=== RECORDS FOR THIS EXERCISE ===

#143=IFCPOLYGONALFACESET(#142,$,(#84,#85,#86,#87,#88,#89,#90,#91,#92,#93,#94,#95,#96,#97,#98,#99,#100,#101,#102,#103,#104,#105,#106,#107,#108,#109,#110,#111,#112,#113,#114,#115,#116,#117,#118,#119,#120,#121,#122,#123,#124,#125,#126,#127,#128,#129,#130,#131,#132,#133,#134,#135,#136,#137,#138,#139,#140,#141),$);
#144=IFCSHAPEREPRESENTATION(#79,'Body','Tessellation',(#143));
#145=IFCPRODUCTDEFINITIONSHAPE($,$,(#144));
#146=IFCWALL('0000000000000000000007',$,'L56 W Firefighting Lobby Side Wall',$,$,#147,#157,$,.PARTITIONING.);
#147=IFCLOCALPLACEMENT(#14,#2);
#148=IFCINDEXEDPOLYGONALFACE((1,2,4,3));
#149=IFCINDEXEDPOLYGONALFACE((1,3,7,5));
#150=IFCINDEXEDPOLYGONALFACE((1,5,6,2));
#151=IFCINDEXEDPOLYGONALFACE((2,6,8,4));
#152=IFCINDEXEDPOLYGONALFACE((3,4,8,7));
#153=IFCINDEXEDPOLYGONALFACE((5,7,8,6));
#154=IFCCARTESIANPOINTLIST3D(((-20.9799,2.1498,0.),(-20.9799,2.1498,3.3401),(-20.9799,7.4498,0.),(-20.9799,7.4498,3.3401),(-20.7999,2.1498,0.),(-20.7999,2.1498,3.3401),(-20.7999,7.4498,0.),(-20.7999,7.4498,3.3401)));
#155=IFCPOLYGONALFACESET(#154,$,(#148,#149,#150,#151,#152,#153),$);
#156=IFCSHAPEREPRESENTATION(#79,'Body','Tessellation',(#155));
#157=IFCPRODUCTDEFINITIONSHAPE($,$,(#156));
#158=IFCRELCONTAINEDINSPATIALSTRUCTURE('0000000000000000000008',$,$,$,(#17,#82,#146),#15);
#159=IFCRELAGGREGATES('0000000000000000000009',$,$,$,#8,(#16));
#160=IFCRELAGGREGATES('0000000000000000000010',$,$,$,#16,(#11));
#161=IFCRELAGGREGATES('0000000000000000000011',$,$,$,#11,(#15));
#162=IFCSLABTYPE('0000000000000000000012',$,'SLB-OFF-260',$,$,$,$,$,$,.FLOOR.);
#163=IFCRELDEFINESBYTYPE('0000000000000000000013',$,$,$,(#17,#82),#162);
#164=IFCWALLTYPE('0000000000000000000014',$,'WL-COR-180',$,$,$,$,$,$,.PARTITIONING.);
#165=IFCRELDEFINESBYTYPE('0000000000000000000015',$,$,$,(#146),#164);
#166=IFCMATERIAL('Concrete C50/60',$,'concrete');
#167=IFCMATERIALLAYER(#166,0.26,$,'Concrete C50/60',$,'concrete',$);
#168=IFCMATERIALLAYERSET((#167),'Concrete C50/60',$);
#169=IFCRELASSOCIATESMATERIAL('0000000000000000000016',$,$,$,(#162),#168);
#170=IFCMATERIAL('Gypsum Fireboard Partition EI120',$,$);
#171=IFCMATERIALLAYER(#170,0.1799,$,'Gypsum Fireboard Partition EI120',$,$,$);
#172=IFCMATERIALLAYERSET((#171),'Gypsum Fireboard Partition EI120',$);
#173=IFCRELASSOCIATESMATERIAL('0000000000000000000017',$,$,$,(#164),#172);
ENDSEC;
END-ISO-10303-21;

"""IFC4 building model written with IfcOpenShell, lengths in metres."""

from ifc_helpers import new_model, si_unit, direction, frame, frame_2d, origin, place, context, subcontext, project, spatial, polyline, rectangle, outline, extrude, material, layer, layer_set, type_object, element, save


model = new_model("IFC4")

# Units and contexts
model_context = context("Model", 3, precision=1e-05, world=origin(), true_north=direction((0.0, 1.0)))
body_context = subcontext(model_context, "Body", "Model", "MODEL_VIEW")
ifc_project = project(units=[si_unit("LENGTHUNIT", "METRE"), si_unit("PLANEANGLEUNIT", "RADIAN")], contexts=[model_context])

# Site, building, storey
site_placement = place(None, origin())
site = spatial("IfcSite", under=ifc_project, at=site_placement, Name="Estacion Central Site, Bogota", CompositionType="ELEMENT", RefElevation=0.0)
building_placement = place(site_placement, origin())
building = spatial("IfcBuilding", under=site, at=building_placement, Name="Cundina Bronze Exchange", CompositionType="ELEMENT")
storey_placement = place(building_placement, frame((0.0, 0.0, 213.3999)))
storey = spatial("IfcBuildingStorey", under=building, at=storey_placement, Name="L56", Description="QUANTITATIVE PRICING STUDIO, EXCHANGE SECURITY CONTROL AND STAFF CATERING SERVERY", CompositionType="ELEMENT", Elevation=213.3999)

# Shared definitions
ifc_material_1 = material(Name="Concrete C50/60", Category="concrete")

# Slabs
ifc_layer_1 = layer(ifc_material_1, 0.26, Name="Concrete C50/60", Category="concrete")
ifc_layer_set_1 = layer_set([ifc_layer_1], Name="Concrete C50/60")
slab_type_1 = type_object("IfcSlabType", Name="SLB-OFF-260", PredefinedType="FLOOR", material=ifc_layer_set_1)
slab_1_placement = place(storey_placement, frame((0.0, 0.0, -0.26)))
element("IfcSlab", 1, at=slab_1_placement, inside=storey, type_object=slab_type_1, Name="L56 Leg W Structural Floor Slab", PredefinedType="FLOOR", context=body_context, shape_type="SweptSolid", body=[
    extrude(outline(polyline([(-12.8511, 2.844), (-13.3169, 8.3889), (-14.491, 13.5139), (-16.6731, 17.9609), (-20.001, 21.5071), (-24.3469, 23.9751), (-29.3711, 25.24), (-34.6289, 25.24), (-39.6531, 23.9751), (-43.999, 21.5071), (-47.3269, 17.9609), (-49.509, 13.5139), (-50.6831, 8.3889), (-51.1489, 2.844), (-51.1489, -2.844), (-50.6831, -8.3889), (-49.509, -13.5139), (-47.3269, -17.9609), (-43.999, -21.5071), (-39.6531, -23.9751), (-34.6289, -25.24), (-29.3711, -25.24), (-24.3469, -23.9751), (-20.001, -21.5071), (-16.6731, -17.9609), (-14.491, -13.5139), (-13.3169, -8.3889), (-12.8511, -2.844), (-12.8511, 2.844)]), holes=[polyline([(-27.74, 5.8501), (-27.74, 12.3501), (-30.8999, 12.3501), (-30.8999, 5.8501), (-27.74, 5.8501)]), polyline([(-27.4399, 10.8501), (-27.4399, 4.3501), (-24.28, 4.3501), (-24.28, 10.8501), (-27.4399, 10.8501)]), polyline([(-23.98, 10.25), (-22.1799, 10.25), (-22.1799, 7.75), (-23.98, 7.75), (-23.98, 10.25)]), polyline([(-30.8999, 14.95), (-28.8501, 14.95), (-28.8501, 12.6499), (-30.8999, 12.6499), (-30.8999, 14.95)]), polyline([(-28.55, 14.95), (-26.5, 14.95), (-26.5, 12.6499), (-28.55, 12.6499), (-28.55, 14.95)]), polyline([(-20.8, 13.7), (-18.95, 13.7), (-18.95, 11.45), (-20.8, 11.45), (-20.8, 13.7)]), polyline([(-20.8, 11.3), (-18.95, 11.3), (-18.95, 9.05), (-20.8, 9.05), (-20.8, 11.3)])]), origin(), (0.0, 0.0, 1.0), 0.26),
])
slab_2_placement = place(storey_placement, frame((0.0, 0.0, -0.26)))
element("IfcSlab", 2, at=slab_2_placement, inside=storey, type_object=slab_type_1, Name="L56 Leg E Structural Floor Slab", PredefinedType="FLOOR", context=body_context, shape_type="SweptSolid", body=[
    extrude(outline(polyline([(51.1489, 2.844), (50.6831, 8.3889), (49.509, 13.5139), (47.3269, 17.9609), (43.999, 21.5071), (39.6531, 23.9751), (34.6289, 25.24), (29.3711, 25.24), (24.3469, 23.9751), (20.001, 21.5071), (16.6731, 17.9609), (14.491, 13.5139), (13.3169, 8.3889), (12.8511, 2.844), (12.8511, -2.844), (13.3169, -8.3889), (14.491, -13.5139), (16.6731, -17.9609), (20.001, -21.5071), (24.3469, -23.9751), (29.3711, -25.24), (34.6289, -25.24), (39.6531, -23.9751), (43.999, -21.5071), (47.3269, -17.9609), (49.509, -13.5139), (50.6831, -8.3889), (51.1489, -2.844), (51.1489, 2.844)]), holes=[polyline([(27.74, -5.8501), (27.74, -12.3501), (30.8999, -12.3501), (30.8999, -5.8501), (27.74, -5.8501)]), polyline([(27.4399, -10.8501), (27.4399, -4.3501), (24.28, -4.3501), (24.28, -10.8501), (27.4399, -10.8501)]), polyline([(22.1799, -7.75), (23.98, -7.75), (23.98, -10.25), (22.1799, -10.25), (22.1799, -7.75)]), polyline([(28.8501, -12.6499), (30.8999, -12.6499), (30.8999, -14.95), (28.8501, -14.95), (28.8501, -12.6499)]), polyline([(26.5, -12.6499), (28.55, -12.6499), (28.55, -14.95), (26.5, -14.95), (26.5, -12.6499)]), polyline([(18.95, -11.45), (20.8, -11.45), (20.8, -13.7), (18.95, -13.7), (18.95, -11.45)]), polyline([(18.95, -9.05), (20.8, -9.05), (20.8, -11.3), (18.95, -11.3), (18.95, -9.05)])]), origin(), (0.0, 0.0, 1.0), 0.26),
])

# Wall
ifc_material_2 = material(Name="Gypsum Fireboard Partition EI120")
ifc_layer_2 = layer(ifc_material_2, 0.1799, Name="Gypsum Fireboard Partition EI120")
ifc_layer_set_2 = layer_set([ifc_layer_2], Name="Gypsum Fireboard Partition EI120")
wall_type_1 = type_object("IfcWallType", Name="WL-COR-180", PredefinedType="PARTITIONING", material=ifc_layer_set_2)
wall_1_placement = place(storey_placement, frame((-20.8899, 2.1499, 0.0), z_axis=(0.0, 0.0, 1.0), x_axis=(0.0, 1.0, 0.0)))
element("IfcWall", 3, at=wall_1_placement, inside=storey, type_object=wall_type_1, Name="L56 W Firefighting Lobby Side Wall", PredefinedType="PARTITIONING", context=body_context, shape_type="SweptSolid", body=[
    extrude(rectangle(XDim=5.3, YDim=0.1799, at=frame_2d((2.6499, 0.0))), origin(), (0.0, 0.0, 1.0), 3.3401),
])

===

What is needed is an exact copy of the lines above, from the one containing "site_placement = place(None, origin())" through the one containing "frame((0.0, 0.0, 213.3999)))", with nothing added.

site_placement = place(None, origin())
site = spatial("IfcSite", under=ifc_project, at=site_placement, Name="Estacion Central Site, Bogota", CompositionType="ELEMENT", RefElevation=0.0)
building_placement = place(site_placement, origin())
building = spatial("IfcBuilding", under=site, at=building_placement, Name="Cundina Bronze Exchange", CompositionType="ELEMENT")
storey_placement = place(building_placement, frame((0.0, 0.0, 213.3999)))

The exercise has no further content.